PROBLEM STATEMENT » Gather, from the listing beneath this task, every line holding the string "IFCWALLTYPE".

● ● ●

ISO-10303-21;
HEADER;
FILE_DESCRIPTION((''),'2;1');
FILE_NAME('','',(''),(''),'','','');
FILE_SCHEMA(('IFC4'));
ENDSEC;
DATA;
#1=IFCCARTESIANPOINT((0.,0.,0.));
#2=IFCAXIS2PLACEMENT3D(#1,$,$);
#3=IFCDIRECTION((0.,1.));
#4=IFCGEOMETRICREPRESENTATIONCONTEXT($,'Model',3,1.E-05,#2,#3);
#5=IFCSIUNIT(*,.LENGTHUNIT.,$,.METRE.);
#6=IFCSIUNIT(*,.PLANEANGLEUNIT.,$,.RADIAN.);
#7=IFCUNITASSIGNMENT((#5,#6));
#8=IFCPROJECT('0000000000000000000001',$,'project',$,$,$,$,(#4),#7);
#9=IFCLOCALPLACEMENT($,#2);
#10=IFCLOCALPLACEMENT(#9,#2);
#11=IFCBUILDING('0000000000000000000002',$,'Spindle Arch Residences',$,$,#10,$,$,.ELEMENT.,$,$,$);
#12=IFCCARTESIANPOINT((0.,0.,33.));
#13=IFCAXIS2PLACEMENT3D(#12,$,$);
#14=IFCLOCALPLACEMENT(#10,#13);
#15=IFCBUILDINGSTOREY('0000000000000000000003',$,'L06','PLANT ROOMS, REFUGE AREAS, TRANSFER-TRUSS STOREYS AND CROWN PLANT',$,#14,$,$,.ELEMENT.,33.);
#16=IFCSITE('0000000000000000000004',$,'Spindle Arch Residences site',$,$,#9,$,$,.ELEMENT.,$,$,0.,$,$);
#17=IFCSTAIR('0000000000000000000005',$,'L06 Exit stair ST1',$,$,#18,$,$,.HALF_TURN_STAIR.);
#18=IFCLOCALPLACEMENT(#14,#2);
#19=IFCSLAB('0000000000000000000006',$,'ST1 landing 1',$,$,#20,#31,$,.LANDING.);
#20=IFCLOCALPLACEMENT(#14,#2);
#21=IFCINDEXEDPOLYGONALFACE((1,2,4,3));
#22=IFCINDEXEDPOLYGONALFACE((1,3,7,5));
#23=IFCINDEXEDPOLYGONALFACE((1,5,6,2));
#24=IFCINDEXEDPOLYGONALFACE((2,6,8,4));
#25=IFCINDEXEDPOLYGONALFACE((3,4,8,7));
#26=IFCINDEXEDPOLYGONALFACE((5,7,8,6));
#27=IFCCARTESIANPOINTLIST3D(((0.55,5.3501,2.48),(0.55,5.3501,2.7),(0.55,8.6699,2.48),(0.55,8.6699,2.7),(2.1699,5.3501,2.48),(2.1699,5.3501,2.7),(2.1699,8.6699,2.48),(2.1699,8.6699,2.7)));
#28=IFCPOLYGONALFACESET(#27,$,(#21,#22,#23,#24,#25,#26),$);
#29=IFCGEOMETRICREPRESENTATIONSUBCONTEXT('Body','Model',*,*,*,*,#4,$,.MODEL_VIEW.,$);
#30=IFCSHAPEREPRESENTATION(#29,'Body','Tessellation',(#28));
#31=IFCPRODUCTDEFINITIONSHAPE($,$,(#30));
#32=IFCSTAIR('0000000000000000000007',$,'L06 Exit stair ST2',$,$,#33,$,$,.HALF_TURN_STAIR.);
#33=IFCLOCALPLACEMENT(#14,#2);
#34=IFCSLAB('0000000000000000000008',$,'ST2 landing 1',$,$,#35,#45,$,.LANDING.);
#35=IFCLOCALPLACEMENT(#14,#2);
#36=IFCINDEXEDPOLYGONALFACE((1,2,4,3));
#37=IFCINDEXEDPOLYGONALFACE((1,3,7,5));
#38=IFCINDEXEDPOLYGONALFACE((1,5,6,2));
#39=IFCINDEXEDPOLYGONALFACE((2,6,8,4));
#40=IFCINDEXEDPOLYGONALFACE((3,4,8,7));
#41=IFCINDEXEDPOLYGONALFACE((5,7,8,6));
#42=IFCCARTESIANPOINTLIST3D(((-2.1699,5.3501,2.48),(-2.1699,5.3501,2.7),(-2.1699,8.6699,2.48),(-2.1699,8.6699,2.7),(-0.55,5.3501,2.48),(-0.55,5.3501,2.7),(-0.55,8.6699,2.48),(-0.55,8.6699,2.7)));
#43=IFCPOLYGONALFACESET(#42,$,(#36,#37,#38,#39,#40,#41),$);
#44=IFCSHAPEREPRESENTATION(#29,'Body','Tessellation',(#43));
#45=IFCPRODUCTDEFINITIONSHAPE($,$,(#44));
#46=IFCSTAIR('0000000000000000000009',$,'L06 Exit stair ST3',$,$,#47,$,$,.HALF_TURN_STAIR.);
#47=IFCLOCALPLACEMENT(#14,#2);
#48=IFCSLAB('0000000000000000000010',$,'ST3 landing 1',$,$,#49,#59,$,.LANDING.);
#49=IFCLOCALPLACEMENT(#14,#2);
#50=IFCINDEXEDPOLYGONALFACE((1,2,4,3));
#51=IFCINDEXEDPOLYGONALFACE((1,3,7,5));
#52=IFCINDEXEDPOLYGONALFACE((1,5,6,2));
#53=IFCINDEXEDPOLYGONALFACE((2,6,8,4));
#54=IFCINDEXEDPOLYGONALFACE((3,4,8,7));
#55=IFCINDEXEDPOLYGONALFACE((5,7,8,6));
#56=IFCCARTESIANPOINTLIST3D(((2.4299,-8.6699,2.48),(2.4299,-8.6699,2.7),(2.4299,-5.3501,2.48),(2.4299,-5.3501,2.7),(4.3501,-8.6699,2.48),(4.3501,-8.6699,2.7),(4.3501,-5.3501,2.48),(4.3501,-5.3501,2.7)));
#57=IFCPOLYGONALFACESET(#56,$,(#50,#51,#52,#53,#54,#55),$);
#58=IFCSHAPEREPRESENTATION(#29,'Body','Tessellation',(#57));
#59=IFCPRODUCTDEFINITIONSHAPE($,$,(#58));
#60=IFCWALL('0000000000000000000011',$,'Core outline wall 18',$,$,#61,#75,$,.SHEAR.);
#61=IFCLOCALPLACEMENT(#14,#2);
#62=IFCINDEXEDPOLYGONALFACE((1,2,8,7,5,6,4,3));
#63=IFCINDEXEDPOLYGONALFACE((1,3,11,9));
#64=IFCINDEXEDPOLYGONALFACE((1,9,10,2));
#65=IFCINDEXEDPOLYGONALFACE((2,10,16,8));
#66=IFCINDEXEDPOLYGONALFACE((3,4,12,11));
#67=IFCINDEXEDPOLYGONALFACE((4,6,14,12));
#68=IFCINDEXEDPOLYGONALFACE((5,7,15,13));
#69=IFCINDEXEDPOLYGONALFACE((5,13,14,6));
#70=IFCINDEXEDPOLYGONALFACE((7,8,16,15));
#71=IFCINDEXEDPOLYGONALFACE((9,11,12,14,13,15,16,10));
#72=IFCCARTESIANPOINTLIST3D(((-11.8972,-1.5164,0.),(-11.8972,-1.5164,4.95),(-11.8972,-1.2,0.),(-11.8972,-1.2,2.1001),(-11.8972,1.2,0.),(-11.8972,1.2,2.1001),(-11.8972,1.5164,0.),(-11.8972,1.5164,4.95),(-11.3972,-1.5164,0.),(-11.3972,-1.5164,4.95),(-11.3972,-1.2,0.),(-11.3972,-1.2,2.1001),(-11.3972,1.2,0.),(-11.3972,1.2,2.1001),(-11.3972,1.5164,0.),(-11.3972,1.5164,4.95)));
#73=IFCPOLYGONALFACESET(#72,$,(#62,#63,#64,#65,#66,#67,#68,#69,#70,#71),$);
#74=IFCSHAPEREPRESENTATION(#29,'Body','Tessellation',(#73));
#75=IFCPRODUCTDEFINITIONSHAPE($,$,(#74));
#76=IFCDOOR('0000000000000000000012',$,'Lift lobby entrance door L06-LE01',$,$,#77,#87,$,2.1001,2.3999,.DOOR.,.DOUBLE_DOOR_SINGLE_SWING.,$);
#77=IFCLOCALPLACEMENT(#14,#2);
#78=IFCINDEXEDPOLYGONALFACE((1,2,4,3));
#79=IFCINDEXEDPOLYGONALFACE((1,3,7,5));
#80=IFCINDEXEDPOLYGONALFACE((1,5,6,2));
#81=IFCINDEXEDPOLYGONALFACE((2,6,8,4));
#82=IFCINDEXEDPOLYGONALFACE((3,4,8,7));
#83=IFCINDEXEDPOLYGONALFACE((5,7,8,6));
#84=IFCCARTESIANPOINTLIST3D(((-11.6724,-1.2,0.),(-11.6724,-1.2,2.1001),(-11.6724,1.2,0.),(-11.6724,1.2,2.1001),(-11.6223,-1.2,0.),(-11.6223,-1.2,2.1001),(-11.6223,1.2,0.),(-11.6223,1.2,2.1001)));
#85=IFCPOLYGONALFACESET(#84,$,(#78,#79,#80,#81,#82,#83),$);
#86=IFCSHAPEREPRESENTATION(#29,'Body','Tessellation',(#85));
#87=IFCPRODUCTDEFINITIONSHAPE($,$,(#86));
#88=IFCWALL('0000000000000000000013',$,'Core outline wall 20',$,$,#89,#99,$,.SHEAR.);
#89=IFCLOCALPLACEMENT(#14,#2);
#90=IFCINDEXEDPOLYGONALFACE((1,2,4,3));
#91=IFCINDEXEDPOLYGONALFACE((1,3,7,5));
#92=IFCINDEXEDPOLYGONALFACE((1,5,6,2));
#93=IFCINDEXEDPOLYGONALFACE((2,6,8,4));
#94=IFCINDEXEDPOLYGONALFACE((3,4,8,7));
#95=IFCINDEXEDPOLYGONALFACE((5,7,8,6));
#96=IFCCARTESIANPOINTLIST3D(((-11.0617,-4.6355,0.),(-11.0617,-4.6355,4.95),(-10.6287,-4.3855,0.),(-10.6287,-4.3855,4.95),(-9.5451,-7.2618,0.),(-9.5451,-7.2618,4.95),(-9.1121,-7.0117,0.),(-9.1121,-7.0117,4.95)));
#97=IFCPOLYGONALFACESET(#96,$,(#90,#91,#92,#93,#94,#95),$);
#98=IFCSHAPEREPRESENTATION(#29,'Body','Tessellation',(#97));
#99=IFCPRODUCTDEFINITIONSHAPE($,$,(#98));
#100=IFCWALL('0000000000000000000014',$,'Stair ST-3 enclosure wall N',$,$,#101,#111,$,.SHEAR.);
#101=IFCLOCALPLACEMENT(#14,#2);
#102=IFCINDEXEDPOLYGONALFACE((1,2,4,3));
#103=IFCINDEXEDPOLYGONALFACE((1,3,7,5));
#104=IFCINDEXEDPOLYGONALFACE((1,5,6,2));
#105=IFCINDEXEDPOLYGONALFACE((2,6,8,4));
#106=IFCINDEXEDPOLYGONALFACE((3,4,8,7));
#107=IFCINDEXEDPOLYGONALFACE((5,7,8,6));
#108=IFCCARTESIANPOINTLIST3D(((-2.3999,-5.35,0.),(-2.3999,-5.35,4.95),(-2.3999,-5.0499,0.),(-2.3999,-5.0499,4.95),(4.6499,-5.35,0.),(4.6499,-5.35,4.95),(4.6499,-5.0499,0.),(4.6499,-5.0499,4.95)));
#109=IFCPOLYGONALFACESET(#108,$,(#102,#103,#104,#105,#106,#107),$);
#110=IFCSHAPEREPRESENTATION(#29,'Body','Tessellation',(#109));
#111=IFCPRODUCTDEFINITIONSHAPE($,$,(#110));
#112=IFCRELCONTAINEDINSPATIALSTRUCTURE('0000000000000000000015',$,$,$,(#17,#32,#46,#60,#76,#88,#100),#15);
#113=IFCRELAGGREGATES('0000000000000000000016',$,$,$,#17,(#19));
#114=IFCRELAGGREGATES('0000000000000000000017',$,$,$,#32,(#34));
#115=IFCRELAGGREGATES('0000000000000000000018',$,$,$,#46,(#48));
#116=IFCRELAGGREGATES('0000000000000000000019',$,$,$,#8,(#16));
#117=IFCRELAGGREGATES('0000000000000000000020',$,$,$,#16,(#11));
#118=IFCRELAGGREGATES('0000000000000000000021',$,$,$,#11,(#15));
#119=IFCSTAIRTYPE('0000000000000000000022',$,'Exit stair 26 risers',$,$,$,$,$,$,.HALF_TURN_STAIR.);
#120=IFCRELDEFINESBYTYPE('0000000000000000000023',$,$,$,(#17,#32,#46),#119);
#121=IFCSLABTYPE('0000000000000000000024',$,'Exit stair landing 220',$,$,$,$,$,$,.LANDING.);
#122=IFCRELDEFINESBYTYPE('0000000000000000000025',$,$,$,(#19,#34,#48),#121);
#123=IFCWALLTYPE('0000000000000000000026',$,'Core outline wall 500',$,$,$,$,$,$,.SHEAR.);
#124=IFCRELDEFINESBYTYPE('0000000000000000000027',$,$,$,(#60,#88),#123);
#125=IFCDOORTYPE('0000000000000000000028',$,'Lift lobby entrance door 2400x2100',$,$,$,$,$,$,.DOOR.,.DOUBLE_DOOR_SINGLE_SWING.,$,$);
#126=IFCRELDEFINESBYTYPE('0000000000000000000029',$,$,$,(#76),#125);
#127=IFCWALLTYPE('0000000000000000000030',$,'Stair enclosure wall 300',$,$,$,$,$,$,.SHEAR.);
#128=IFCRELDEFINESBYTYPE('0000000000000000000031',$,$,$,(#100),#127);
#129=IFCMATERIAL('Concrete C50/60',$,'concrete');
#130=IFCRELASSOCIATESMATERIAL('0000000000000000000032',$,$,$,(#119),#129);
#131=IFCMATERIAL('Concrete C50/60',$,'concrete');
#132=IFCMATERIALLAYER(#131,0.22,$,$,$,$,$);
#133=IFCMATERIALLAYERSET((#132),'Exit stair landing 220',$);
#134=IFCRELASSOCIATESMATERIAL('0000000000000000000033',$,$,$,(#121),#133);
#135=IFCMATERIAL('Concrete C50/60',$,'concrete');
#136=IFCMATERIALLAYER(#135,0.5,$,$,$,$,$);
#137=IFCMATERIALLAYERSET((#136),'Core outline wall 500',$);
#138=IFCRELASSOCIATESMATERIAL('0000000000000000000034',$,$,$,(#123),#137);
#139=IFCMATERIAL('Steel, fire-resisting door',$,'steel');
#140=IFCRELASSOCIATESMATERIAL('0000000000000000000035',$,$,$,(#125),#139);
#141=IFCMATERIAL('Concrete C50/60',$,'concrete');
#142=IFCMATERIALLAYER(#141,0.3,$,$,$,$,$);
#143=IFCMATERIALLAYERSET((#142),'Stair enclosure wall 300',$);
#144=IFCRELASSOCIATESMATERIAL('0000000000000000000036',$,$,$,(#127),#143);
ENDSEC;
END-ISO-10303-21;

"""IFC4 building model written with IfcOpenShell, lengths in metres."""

from ifc_helpers import new_model, si_unit, direction, frame, frame_2d, origin, place, context, subcontext, project, spatial, polyline, rectangle, outline, extrude, material, layer, layer_set, type_object, element, fill, aggregate, save


model = new_model("IFC4")

# Units and contexts
model_context = context("Model", 3, precision=1e-05, world=origin(), true_north=direction((0.0, 1.0)))
body_context = subcontext(model_context, "Body", "Model", "MODEL_VIEW")
ifc_project = project(units=[si_unit("LENGTHUNIT", "METRE"), si_unit("PLANEANGLEUNIT", "RADIAN")], contexts=[model_context])

# Site, building, storey
site_placement = place(None, origin())
site = spatial("IfcSite", under=ifc_project, at=site_placement, Name="Spindle Arch Residences site", CompositionType="ELEMENT", RefElevation=0.0)
building_placement = place(site_placement, origin())
building = spatial("IfcBuilding", under=site, at=building_placement, Name="Spindle Arch Residences", CompositionType="ELEMENT")
storey_placement = place(building_placement, frame((0.0, 0.0, 33.0)))
storey = spatial("IfcBuildingStorey", under=building, at=storey_placement, Name="L06", Description="PLANT ROOMS, REFUGE AREAS, TRANSFER-TRUSS STOREYS AND CROWN PLANT", CompositionType="ELEMENT", Elevation=33.0)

● ● ●

THE ANSWER »
#123=IFCWALLTYPE('0000000000000000000026',$,'Core outline wall 500',$,$,$,$,$,$,.SHEAR.);
#127=IFCWALLTYPE('0000000000000000000030',$,'Stair enclosure wall 300',$,$,$,$,$,$,.SHEAR.);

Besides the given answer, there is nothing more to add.